Task to carry out: Could you report every line from the entries that includes the word "Commons"?

**** Data listing

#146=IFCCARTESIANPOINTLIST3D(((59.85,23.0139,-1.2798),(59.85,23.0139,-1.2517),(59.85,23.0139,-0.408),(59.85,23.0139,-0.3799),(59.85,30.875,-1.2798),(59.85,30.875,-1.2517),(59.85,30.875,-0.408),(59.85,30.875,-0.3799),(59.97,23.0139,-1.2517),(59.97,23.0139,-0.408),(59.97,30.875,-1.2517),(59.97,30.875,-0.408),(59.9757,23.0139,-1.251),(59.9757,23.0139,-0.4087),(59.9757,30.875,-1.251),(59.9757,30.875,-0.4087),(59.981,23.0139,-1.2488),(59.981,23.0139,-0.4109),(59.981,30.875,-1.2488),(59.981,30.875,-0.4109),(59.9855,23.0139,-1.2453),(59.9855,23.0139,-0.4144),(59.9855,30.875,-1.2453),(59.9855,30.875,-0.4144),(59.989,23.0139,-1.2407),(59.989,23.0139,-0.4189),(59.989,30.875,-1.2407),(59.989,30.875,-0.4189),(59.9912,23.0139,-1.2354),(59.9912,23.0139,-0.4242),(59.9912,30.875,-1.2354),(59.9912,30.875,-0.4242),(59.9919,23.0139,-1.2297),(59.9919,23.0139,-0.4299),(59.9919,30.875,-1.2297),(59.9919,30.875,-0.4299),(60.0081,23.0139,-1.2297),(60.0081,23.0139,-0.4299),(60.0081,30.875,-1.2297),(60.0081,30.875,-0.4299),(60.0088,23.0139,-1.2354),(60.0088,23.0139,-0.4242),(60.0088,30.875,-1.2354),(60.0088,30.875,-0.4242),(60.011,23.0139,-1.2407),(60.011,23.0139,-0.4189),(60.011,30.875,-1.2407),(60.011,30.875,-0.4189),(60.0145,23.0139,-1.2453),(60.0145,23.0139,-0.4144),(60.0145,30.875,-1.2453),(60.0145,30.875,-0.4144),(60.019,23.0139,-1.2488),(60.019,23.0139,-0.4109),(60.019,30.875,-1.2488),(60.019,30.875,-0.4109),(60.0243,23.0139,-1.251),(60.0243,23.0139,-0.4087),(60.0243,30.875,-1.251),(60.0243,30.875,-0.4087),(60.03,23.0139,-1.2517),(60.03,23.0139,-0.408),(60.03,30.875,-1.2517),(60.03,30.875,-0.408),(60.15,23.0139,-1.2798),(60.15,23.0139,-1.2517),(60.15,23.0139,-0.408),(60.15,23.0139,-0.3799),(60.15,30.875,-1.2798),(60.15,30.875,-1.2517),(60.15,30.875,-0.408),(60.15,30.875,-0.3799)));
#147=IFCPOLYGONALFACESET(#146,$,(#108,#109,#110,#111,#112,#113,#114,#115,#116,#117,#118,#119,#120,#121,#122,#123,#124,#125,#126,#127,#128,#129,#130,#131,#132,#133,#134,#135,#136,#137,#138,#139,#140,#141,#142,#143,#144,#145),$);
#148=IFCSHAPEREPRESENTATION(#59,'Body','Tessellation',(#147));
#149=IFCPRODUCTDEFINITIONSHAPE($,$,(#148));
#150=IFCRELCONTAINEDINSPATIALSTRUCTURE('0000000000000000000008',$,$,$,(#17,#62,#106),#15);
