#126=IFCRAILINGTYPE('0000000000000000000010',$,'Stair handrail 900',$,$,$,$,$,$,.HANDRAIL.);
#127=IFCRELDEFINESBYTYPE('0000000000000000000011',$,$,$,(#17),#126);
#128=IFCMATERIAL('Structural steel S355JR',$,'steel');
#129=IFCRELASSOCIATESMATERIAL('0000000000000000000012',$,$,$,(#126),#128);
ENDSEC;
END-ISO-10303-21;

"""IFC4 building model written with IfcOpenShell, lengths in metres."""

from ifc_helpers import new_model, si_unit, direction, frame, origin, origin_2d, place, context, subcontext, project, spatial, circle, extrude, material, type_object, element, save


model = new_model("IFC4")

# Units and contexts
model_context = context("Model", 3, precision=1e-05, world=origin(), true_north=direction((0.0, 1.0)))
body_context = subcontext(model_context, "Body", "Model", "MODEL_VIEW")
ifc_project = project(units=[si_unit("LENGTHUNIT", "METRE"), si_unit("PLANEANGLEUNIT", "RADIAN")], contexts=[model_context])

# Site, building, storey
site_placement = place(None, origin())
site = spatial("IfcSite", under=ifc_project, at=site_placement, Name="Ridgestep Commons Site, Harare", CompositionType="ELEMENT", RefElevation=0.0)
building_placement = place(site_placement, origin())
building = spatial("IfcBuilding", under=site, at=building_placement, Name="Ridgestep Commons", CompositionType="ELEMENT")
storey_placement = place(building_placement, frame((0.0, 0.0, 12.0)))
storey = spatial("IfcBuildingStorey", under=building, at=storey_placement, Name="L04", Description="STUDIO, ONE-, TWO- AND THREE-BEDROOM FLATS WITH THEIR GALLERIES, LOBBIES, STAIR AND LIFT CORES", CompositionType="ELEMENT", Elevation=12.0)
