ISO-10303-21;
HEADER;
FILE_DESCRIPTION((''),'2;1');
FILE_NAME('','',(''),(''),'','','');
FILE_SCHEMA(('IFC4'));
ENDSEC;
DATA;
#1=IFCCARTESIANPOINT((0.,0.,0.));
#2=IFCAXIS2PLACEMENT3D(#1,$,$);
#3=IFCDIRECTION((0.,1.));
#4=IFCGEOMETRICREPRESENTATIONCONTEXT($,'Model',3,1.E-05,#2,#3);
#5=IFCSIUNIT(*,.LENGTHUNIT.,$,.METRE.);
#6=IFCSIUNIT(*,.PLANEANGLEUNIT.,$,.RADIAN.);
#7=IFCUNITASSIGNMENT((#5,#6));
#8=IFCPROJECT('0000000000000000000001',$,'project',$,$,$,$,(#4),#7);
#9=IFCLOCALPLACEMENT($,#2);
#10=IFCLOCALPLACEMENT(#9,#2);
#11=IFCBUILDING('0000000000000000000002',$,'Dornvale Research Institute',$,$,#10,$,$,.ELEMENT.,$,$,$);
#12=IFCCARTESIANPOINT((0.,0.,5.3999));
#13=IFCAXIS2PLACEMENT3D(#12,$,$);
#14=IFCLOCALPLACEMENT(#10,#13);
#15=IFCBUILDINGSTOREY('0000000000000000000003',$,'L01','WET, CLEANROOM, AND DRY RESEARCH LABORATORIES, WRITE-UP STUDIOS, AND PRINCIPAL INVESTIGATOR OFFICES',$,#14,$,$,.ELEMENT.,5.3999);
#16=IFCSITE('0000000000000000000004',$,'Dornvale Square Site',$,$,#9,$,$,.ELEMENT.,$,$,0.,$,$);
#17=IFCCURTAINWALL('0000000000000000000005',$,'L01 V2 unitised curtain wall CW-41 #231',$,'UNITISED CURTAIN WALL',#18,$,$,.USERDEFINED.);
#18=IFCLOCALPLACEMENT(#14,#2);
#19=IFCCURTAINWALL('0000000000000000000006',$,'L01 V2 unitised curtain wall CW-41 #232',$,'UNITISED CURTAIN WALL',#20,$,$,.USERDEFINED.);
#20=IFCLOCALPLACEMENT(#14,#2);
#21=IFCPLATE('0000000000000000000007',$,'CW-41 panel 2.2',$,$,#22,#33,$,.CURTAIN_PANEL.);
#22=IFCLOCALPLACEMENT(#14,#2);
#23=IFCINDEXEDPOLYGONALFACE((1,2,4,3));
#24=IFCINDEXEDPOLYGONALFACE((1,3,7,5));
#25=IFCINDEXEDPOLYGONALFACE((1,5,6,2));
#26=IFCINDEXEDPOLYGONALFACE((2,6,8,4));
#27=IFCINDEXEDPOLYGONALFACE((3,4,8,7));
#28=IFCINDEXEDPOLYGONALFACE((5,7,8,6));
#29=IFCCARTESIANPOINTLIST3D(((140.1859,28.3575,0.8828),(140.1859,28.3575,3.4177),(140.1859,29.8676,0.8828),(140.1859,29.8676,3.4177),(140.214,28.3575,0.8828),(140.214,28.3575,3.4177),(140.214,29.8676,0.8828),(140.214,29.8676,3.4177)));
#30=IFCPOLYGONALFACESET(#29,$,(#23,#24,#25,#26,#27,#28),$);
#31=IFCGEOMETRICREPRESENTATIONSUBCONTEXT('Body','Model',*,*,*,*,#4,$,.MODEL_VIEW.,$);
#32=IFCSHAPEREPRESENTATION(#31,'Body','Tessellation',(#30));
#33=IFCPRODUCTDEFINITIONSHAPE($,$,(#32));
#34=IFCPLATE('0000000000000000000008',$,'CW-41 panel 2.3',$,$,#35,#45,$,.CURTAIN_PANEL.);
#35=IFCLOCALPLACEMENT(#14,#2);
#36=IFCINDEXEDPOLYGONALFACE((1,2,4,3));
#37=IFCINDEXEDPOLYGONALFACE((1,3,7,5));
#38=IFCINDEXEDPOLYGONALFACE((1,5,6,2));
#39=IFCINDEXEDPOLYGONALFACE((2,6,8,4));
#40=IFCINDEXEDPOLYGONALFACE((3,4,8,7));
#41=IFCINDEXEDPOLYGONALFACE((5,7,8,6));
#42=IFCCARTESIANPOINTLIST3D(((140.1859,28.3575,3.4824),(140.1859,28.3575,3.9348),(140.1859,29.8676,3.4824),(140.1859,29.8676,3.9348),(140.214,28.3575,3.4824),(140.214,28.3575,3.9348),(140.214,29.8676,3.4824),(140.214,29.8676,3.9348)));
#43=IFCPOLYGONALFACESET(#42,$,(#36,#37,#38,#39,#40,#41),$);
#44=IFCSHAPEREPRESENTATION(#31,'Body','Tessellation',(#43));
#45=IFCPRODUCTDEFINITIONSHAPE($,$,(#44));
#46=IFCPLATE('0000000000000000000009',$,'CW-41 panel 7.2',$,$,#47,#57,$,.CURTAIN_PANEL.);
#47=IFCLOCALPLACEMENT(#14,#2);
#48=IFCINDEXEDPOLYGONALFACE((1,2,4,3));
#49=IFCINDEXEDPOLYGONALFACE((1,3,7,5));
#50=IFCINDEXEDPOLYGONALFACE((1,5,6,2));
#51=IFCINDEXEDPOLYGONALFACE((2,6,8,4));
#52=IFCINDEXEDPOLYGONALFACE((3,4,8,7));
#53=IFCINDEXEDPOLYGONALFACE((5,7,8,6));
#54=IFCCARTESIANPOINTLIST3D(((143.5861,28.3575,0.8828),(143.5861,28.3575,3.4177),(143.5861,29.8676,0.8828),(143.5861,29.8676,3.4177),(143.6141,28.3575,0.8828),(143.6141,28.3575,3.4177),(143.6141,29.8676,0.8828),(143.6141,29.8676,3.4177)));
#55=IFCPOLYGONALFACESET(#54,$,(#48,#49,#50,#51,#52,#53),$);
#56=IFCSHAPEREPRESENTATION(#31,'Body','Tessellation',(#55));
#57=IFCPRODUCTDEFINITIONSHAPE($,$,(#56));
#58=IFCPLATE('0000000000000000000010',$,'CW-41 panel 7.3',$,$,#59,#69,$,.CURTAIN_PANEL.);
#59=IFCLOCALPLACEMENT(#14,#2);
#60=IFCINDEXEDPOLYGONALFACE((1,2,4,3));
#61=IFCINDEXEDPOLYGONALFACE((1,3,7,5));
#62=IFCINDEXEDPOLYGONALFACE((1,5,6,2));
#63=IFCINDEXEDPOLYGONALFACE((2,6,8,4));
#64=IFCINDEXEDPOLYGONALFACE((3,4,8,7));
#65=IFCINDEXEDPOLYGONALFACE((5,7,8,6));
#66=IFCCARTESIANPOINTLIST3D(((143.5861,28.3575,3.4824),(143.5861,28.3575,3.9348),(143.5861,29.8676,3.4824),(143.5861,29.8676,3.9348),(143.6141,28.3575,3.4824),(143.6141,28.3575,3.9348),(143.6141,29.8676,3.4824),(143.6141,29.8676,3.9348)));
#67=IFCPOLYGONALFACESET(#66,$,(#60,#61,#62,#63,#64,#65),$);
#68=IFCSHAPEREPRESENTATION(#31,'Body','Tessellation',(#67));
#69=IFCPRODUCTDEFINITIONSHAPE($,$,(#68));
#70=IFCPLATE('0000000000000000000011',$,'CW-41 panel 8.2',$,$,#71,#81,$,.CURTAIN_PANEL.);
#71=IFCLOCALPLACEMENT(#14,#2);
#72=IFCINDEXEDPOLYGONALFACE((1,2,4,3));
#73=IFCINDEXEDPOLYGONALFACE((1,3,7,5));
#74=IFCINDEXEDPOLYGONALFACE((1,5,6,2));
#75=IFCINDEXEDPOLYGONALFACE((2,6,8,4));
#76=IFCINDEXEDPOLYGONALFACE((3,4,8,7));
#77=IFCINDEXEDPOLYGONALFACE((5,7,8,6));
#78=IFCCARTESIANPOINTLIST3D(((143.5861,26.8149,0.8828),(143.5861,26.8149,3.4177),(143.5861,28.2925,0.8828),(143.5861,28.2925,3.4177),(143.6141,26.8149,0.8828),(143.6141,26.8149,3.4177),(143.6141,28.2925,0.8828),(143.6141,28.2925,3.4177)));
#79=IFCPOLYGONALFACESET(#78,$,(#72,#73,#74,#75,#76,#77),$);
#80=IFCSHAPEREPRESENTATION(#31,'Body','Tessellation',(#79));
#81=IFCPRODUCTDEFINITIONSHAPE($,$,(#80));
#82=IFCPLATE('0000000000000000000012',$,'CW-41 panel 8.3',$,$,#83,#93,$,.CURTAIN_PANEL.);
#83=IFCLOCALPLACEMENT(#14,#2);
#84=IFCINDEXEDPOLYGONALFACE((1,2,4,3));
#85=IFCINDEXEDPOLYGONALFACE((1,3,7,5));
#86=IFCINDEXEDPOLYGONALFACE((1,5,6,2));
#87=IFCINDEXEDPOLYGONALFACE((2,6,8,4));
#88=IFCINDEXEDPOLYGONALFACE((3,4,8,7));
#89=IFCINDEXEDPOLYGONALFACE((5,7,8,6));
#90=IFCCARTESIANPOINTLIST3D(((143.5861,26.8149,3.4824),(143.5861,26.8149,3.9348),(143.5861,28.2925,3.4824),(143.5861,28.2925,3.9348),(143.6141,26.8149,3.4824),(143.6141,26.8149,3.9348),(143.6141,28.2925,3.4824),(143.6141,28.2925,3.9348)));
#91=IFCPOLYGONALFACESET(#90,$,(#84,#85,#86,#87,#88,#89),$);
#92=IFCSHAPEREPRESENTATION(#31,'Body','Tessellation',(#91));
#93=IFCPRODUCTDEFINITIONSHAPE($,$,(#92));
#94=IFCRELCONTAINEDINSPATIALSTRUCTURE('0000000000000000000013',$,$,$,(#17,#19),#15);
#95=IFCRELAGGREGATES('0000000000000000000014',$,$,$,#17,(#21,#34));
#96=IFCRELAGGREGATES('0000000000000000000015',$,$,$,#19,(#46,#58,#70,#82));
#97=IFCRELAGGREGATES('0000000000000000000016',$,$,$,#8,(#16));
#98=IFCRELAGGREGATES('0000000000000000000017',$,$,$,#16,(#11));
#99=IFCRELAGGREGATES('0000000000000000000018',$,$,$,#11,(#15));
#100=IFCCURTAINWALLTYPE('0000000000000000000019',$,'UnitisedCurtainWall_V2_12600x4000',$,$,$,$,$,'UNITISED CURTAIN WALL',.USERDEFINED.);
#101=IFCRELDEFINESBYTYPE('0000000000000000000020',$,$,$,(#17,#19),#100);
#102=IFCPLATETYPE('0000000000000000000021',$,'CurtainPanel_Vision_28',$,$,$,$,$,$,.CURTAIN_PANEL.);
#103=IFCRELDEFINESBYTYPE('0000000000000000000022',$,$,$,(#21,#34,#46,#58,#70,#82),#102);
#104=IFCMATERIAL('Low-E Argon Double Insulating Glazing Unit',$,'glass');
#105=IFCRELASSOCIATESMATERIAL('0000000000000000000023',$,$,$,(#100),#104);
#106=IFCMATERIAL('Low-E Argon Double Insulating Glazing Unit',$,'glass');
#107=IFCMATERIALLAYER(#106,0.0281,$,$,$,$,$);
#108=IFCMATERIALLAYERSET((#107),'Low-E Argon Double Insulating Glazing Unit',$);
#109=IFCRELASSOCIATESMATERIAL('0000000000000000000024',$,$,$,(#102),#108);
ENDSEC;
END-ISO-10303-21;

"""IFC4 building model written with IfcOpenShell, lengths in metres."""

from ifc_helpers import new_model, si_unit, direction, frame, origin, origin_2d, place, context, subcontext, project, spatial, rectangle, extrude, material, layer, layer_set, type_object, element, aggregate, save


model = new_model("IFC4")

# Units and contexts
model_context = context("Model", 3, precision=1e-05, world=origin(), true_north=direction((0.0, 1.0)))
body_context = subcontext(model_context, "Body", "Model", "MODEL_VIEW")
ifc_project = project(units=[si_unit("LENGTHUNIT", "METRE"), si_unit("PLANEANGLEUNIT", "RADIAN")], contexts=[model_context])

# Site, building, storey
site_placement = place(None, origin())
site = spatial("IfcSite", under=ifc_project, at=site_placement, Name="Dornvale Square Site", CompositionType="ELEMENT", RefElevation=0.0)
building_placement = place(site_placement, origin())
building = spatial("IfcBuilding", under=site, at=building_placement, Name="Dornvale Research Institute", CompositionType="ELEMENT")
storey_placement = place(building_placement, frame((0.0, 0.0, 5.3999)))
storey = spatial("IfcBuildingStorey", under=building, at=storey_placement, Name="L01", Description="WET, CLEANROOM, AND DRY RESEARCH LABORATORIES, WRITE-UP STUDIOS, AND PRINCIPAL INVESTIGATOR OFFICES", CompositionType="ELEMENT", Elevation=5.3999)

# Curtain walls
ifc_material_1 = material(Name="Low-E Argon Double Insulating Glazing Unit", Category="glass")
curtain_wall_type = type_object("IfcCurtainWallType", Name="UnitisedCurtainWall_V2_12600x4000", ElementType="UNITISED CURTAIN WALL", PredefinedType="USERDEFINED", material=ifc_material_1)
curtain_wall_1_placement = place(storey_placement, origin())
curtain_wall_1 = element("IfcCurtainWall", 1, at=curtain_wall_1_placement, inside=storey, type_object=curtain_wall_type, Name="L01 V2 unitised curtain wall CW-41 #231", ObjectType="UNITISED CURTAIN WALL", PredefinedType="USERDEFINED")
curtain_wall_2_placement = place(storey_placement, origin())
curtain_wall_2 = element("IfcCurtainWall", 2, at=curtain_wall_2_placement, inside=storey, type_object=curtain_wall_type, Name="L01 V2 unitised curtain wall CW-41 #232", ObjectType="UNITISED CURTAIN WALL", PredefinedType="USERDEFINED")

# Plates
ifc_material_2 = material(Name="Low-E Argon Double Insulating Glazing Unit", Category="glass")
ifc_layer_1 = layer(ifc_material_2, 0.0281)
ifc_layer_set_1 = layer_set([ifc_layer_1], Name="Low-E Argon Double Insulating Glazing Unit")
plate_type_1 = type_object("IfcPlateType", Name="CurtainPanel_Vision_28", PredefinedType="CURTAIN_PANEL", material=ifc_layer_set_1)
plate_1_placement = place(storey_placement, frame((140.2, 29.1125, 0.8828), z_axis=(0.0, 0.0, 1.0), x_axis=(0.0, 1.0, 0.0)))
plate_1 = element("IfcPlate", 3, at=plate_1_placement, type_object=plate_type_1, Name="CW-41 panel 2.2", PredefinedType="CURTAIN_PANEL", context=body_context, shape_type="SweptSolid", body=[
    extrude(rectangle(XDim=1.51, YDim=0.0281, at=origin_2d()), origin(), (0.0, 0.0, 1.0), 2.5349),
])
plate_2_placement = place(storey_placement, frame((140.2, 29.1125, 3.4824), z_axis=(0.0, 0.0, 1.0), x_axis=(0.0, 1.0, 0.0)))
plate_2 = element("IfcPlate", 4, at=plate_2_placement, type_object=plate_type_1, Name="CW-41 panel 2.3", PredefinedType="CURTAIN_PANEL", context=body_context, shape_type="SweptSolid", body=[
    extrude(rectangle(XDim=1.51, YDim=0.0281, at=origin_2d()), origin(), (0.0, 0.0, 1.0), 0.4524),
])
aggregate(curtain_wall_1, [plate_1, plate_2])
plate_3_placement = place(storey_placement, frame((143.6001, 29.1125, 0.8828), z_axis=(0.0, 0.0, 1.0), x_axis=(0.0, -1.0, 0.0)))
plate_3 = element("IfcPlate", 5, at=plate_3_placement, type_object=plate_type_1, Name="CW-41 panel 7.2", PredefinedType="CURTAIN_PANEL", context=body_context, shape_type="SweptSolid", body=[
    extrude(rectangle(XDim=1.51, YDim=0.0281, at=origin_2d()), origin(), (0.0, 0.0, 1.0), 2.5349),
])
plate_4_placement = place(storey_placement, frame((143.6001, 29.1125, 3.4824), z_axis=(0.0, 0.0, 1.0), x_axis=(0.0, -1.0, 0.0)))
plate_4 = element("IfcPlate", 6, at=plate_4_placement, type_object=plate_type_1, Name="CW-41 panel 7.3", PredefinedType="CURTAIN_PANEL", context=body_context, shape_type="SweptSolid", body=[
    extrude(rectangle(XDim=1.51, YDim=0.0281, at=origin_2d()), origin(), (0.0, 0.0, 1.0), 0.4524),
])
plate_5_placement = place(storey_placement, frame((143.6001, 27.5537, 0.8828), z_axis=(0.0, 0.0, 1.0), x_axis=(0.0, -1.0, 0.0)))
plate_5 = element("IfcPlate", 7, at=plate_5_placement, type_object=plate_type_1, Name="CW-41 panel 8.2", PredefinedType="CURTAIN_PANEL", context=body_context, shape_type="SweptSolid", body=[
    extrude(rectangle(XDim=1.4775, YDim=0.0281, at=origin_2d()), origin(), (0.0, 0.0, 1.0), 2.5349),
])
plate_6_placement = place(storey_placement, frame((143.6001, 27.5537, 3.4824), z_axis=(0.0, 0.0, 1.0), x_axis=(0.0, -1.0, 0.0)))
plate_6 = element("IfcPlate", 8, at=plate_6_placement, type_object=plate_type_1, Name="CW-41 panel 8.3", PredefinedType="CURTAIN_PANEL", context=body_context, shape_type="SweptSolid", body=[
    extrude(rectangle(XDim=1.4775, YDim=0.0281, at=origin_2d()), origin(), (0.0, 0.0, 1.0), 0.4524),
])
aggregate(curtain_wall_2, [plate_3, plate_4, plate_5, plate_6])

save(model, "model.ifc")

********

Task response:
site = spatial("IfcSite", under=ifc_project, at=site_placement, Name="Ridgestep Commons Site, Harare", CompositionType="ELEMENT", RefElevation=0.0)
building = spatial("IfcBuilding", under=site, at=building_placement, Name="Ridgestep Commons", CompositionType="ELEMENT")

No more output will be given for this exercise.